====== Information shown ======

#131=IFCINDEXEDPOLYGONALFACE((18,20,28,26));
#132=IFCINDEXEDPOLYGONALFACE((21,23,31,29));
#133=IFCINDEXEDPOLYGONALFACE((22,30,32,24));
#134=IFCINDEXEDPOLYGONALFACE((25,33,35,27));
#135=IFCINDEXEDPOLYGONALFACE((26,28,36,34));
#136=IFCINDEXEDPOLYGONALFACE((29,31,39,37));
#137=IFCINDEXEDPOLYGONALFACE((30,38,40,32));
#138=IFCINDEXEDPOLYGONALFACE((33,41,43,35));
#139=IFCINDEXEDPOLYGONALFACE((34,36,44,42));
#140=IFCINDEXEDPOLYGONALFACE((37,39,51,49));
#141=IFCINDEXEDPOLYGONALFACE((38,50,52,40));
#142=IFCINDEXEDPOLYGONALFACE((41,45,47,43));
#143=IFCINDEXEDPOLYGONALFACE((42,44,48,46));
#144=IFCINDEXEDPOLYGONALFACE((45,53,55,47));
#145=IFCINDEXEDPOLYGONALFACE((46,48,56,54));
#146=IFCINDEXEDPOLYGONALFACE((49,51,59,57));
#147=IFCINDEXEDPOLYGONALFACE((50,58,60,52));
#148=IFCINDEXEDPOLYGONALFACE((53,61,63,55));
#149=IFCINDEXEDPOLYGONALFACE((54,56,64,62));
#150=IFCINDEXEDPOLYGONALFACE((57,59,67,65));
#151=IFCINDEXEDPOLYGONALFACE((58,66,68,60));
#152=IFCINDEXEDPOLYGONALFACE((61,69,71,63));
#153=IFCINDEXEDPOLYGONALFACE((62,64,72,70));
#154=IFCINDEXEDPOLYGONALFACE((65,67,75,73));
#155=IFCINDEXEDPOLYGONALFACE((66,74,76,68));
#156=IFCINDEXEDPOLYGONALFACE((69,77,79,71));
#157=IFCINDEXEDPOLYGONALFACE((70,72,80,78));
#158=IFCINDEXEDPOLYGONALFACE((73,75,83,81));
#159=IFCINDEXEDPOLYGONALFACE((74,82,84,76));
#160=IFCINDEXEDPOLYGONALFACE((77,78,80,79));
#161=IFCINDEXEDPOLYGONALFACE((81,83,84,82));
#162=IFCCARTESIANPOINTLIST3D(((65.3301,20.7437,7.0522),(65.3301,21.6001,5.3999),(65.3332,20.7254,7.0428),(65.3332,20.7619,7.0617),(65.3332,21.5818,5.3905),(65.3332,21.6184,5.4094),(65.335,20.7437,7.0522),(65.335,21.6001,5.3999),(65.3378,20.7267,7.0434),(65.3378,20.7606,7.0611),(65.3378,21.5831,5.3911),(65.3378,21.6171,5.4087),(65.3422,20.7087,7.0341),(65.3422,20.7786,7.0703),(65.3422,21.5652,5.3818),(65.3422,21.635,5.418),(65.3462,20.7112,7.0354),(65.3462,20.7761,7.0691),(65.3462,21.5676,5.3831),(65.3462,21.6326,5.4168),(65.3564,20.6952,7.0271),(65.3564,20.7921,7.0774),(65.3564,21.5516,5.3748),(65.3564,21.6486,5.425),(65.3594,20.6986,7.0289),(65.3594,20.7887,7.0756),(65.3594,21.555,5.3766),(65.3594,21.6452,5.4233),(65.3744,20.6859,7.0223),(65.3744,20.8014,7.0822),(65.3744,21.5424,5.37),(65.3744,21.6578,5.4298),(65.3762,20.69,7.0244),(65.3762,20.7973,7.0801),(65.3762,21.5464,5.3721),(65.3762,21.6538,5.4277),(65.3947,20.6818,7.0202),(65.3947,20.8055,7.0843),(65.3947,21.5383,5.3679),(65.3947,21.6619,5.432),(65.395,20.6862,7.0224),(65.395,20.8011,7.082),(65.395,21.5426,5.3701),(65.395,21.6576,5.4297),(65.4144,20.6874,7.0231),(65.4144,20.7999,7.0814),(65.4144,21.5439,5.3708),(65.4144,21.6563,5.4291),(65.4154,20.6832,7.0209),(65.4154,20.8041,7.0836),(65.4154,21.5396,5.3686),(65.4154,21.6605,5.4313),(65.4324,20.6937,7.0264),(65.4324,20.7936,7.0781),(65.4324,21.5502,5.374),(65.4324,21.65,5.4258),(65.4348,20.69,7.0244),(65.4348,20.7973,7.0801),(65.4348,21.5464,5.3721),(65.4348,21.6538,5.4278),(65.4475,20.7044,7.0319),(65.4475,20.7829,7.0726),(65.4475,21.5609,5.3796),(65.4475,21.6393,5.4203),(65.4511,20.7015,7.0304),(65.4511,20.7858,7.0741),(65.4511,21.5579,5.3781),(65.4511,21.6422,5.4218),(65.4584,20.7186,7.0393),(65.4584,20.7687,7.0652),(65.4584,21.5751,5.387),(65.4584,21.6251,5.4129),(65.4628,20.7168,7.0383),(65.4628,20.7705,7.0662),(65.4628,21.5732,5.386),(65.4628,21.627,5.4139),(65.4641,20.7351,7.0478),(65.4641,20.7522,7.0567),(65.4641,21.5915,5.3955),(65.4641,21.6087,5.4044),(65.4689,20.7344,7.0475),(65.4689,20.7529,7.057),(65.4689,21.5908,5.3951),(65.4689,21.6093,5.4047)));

======

### Directions
From the data above, return every line from the line that has "#159=IFCINDEXEDPOLYGONALFACE((74,82,84,76));" up to and including the line that has "#161=IFCINDEXEDPOLYGONALFACE((81,83,84,82));", exactly.

### Written response
#159=IFCINDEXEDPOLYGONALFACE((74,82,84,76));
#160=IFCINDEXEDPOLYGONALFACE((77,78,80,79));
#161=IFCINDEXEDPOLYGONALFACE((81,83,84,82));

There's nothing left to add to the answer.